Below are records; copy every line in them that holds the word "CompositionType".

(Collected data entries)
* * * * * * *

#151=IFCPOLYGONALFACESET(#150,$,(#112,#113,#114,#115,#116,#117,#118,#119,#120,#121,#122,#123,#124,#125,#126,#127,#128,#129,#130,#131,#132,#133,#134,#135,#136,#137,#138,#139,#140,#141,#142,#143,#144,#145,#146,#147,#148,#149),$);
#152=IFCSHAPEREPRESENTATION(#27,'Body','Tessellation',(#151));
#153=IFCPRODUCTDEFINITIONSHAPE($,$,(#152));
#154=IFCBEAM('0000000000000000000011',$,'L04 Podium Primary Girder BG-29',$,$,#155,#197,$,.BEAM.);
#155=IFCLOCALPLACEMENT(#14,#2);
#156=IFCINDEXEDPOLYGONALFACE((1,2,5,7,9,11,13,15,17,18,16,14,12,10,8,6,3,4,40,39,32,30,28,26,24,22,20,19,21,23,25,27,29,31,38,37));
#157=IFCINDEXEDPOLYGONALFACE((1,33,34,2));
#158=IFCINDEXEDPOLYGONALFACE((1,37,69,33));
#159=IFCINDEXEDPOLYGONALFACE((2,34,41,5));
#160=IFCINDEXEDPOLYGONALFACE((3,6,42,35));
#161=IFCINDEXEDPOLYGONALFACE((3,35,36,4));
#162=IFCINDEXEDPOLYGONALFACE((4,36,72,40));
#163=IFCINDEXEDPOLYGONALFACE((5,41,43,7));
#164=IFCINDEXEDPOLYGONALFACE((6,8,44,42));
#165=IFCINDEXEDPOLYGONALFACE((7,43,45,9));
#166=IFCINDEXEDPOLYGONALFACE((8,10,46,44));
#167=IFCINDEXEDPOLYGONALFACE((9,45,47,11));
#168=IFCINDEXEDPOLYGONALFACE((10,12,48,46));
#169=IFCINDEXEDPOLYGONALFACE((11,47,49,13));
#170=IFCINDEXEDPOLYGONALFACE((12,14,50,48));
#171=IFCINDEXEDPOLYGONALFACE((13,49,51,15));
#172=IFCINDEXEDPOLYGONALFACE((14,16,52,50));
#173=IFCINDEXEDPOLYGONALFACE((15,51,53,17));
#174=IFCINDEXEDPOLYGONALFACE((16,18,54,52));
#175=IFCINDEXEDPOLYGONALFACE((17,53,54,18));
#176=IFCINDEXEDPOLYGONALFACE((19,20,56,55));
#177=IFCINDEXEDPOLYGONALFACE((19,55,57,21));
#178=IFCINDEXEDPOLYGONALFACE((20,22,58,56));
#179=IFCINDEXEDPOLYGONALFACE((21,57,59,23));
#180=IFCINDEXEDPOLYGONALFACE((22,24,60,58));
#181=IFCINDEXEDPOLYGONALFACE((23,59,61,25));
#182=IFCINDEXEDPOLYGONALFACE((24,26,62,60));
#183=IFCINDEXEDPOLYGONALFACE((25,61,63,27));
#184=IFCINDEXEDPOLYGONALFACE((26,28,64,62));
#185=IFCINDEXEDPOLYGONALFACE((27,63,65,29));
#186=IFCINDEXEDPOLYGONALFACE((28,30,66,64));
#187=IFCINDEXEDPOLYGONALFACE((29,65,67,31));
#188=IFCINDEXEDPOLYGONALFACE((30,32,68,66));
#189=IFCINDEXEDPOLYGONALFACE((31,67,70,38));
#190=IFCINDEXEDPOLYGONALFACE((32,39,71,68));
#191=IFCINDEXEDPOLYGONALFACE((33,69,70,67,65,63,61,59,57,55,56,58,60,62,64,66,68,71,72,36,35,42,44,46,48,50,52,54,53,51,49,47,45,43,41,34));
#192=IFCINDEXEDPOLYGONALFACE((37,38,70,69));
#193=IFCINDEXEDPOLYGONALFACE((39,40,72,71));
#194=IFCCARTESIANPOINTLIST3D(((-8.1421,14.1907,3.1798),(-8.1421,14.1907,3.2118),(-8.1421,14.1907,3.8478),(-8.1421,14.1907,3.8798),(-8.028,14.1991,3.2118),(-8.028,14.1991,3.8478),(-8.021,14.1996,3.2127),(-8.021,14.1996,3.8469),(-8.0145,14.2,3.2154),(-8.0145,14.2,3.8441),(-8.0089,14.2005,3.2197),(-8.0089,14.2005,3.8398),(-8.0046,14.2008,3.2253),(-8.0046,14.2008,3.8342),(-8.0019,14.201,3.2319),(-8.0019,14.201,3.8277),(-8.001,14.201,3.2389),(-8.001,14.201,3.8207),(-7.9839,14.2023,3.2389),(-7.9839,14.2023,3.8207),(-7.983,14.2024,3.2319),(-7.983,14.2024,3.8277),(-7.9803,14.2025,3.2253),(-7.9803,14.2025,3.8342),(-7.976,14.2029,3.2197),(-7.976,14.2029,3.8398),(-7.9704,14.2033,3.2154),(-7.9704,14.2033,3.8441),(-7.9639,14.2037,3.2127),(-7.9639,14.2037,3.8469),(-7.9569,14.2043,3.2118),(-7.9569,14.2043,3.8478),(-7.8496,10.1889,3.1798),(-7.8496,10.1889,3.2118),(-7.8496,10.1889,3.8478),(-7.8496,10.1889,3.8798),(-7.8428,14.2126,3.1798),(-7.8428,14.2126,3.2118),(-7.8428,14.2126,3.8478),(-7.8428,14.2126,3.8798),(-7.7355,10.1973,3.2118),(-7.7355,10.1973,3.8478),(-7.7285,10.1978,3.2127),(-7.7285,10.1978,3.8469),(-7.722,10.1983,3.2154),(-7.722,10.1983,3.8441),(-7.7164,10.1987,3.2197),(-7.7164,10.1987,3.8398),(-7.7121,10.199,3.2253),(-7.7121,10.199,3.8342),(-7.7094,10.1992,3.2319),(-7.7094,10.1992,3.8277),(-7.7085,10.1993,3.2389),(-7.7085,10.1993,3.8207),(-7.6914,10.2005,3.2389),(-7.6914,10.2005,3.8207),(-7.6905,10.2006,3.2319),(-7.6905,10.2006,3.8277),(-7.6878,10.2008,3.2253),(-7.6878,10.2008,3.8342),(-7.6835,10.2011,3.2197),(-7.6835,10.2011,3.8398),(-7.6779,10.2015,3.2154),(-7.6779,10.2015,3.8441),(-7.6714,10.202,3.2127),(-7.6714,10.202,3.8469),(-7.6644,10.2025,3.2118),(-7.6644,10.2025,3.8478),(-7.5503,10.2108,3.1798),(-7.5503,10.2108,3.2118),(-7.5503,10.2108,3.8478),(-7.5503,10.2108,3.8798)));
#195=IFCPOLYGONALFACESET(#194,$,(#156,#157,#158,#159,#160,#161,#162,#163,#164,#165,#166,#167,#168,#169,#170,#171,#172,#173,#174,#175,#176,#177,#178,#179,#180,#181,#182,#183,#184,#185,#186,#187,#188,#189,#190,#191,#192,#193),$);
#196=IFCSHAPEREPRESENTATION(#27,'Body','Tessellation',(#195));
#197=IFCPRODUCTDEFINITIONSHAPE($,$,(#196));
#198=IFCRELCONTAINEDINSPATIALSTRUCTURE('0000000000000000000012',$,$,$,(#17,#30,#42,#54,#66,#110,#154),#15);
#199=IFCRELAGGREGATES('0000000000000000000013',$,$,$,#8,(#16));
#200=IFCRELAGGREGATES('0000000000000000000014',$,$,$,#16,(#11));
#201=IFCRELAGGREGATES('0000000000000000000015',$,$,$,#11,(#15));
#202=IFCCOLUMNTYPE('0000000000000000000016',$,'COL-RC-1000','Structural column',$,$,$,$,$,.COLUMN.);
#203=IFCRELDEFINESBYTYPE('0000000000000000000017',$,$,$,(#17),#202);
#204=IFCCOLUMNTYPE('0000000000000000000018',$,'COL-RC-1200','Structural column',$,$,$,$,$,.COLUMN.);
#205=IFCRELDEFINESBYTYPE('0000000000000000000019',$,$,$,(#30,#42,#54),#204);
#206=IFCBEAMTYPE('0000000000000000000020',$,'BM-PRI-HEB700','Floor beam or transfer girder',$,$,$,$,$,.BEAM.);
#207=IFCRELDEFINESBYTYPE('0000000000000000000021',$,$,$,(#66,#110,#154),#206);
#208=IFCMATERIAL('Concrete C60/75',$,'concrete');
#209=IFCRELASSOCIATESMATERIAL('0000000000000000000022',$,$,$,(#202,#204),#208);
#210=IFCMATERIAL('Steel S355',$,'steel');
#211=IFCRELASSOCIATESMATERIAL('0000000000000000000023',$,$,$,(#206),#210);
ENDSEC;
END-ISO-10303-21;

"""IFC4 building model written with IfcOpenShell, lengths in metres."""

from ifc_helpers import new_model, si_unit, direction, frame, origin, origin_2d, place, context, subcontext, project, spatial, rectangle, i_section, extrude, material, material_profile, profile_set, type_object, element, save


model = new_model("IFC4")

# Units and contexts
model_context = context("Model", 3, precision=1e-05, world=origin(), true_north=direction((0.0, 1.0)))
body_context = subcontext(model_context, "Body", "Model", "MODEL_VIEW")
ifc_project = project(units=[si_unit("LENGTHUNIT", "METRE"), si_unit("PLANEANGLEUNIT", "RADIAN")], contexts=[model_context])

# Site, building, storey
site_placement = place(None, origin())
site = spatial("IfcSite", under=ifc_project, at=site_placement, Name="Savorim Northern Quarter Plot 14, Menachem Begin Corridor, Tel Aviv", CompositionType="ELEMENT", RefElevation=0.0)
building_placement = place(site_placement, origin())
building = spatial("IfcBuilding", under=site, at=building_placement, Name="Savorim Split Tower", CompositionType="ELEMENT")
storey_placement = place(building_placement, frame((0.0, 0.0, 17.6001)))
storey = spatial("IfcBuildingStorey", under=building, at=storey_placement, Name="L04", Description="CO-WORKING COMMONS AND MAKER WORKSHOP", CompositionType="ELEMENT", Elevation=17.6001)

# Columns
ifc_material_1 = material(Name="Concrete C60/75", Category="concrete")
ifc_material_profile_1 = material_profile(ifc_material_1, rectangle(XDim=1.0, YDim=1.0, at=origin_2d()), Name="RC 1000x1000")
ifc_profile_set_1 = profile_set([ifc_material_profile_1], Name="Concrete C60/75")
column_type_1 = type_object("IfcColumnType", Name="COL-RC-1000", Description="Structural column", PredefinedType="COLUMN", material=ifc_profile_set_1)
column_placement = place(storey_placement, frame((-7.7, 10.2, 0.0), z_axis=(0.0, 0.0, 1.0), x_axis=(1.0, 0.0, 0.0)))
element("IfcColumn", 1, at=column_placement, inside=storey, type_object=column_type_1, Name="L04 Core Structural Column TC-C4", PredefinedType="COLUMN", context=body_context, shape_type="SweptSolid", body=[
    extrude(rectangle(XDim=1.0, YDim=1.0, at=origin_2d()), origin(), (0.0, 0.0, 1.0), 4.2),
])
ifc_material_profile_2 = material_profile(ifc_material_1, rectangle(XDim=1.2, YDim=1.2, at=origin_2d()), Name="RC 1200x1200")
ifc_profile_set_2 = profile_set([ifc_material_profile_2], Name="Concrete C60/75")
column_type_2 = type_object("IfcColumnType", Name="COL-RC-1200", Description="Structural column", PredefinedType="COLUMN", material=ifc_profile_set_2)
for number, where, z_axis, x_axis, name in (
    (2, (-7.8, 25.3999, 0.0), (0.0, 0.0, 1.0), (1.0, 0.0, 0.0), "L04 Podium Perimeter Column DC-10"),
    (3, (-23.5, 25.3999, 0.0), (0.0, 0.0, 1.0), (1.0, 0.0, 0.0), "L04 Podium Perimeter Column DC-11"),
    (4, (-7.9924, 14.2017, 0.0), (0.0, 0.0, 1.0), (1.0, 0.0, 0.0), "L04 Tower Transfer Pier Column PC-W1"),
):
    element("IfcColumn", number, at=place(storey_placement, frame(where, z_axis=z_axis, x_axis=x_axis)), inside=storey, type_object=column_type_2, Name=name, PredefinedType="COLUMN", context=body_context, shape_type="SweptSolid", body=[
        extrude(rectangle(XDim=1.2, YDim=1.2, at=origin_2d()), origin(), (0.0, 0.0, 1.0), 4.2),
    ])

* * * * * * *

- **Task output**:
site = spatial("IfcSite", under=ifc_project, at=site_placement, Name="Savorim Northern Quarter Plot 14, Menachem Begin Corridor, Tel Aviv", CompositionType="ELEMENT", RefElevation=0.0)
building = spatial("IfcBuilding", under=site, at=building_placement, Name="Savorim Split Tower", CompositionType="ELEMENT")
storey = spatial("IfcBuildingStorey", under=building, at=storey_placement, Name="L04", Description="CO-WORKING COMMONS AND MAKER WORKSHOP", CompositionType="ELEMENT", Elevation=17.6001)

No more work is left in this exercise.